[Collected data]
━━━━

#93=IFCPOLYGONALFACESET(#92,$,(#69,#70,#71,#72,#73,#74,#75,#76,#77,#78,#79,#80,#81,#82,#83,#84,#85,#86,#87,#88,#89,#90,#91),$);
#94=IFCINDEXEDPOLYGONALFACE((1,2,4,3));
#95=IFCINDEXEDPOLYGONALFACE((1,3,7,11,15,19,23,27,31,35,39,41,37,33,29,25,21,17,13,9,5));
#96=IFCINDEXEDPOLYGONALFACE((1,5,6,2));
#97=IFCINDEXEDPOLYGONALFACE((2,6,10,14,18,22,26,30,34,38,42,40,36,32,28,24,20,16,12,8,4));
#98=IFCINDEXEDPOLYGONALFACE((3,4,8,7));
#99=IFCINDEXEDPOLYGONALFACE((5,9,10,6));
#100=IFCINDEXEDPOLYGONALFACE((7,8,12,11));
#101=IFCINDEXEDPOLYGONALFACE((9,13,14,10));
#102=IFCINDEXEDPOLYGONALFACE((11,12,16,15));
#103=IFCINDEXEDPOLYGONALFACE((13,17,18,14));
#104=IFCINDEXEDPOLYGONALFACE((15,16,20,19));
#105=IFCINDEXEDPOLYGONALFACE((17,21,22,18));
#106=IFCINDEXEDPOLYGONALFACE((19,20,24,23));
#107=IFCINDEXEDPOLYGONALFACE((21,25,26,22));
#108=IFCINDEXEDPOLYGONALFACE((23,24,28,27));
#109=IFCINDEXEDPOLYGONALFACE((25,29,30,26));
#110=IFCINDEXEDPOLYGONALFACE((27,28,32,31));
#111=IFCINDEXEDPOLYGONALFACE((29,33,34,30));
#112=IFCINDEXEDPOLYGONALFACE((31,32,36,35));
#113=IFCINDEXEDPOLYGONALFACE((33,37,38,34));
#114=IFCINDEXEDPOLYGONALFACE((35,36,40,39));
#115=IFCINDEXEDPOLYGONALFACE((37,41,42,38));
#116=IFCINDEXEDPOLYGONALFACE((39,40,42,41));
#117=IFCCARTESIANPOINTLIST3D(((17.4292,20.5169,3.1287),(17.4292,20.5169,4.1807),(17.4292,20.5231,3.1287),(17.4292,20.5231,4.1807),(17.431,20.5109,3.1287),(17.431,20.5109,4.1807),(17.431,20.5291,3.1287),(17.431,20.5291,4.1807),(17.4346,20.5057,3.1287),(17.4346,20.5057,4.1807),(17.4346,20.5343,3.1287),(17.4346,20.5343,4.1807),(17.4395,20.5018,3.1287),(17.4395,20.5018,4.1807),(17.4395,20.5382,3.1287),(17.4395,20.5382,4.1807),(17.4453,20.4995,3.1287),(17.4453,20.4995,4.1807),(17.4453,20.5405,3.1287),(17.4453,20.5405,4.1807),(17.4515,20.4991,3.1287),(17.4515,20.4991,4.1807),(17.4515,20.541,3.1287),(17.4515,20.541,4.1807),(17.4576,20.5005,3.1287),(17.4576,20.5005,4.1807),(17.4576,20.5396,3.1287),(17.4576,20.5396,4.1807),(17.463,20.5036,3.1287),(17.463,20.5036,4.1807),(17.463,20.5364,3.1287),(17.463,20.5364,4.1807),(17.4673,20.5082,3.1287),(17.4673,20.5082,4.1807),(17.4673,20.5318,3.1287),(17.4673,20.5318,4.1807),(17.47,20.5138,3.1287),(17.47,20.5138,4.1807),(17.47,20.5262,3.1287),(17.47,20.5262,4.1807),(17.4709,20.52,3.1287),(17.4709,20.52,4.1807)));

━━━━

**EXERCISE GOAL:** Go through the entries above and write each one out exactly.

**TASK RESPONSE:**
#93=IFCPOLYGONALFACESET(#92,$,(#69,#70,#71,#72,#73,#74,#75,#76,#77,#78,#79,#80,#81,#82,#83,#84,#85,#86,#87,#88,#89,#90,#91),$);
#94=IFCINDEXEDPOLYGONALFACE((1,2,4,3));
#95=IFCINDEXEDPOLYGONALFACE((1,3,7,11,15,19,23,27,31,35,39,41,37,33,29,25,21,17,13,9,5));
#96=IFCINDEXEDPOLYGONALFACE((1,5,6,2));
#97=IFCINDEXEDPOLYGONALFACE((2,6,10,14,18,22,26,30,34,38,42,40,36,32,28,24,20,16,12,8,4));
#98=IFCINDEXEDPOLYGONALFACE((3,4,8,7));
#99=IFCINDEXEDPOLYGONALFACE((5,9,10,6));
#100=IFCINDEXEDPOLYGONALFACE((7,8,12,11));
#101=IFCINDEXEDPOLYGONALFACE((9,13,14,10));
#102=IFCINDEXEDPOLYGONALFACE((11,12,16,15));
#103=IFCINDEXEDPOLYGONALFACE((13,17,18,14));
#104=IFCINDEXEDPOLYGONALFACE((15,16,20,19));
#105=IFCINDEXEDPOLYGONALFACE((17,21,22,18));
#106=IFCINDEXEDPOLYGONALFACE((19,20,24,23));
#107=IFCINDEXEDPOLYGONALFACE((21,25,26,22));
#108=IFCINDEXEDPOLYGONALFACE((23,24,28,27));
#109=IFCINDEXEDPOLYGONALFACE((25,29,30,26));
#110=IFCINDEXEDPOLYGONALFACE((27,28,32,31));
#111=IFCINDEXEDPOLYGONALFACE((29,33,34,30));
#112=IFCINDEXEDPOLYGONALFACE((31,32,36,35));
#113=IFCINDEXEDPOLYGONALFACE((33,37,38,34));
#114=IFCINDEXEDPOLYGONALFACE((35,36,40,39));
#115=IFCINDEXEDPOLYGONALFACE((37,41,42,38));
#116=IFCINDEXEDPOLYGONALFACE((39,40,42,41));
#117=IFCCARTESIANPOINTLIST3D(((17.4292,20.5169,3.1287),(17.4292,20.5169,4.1807),(17.4292,20.5231,3.1287),(17.4292,20.5231,4.1807),(17.431,20.5109,3.1287),(17.431,20.5109,4.1807),(17.431,20.5291,3.1287),(17.431,20.5291,4.1807),(17.4346,20.5057,3.1287),(17.4346,20.5057,4.1807),(17.4346,20.5343,3.1287),(17.4346,20.5343,4.1807),(17.4395,20.5018,3.1287),(17.4395,20.5018,4.1807),(17.4395,20.5382,3.1287),(17.4395,20.5382,4.1807),(17.4453,20.4995,3.1287),(17.4453,20.4995,4.1807),(17.4453,20.5405,3.1287),(17.4453,20.5405,4.1807),(17.4515,20.4991,3.1287),(17.4515,20.4991,4.1807),(17.4515,20.541,3.1287),(17.4515,20.541,4.1807),(17.4576,20.5005,3.1287),(17.4576,20.5005,4.1807),(17.4576,20.5396,3.1287),(17.4576,20.5396,4.1807),(17.463,20.5036,3.1287),(17.463,20.5036,4.1807),(17.463,20.5364,3.1287),(17.463,20.5364,4.1807),(17.4673,20.5082,3.1287),(17.4673,20.5082,4.1807),(17.4673,20.5318,3.1287),(17.4673,20.5318,4.1807),(17.47,20.5138,3.1287),(17.47,20.5138,4.1807),(17.47,20.5262,3.1287),(17.47,20.5262,4.1807),(17.4709,20.52,3.1287),(17.4709,20.52,4.1807)));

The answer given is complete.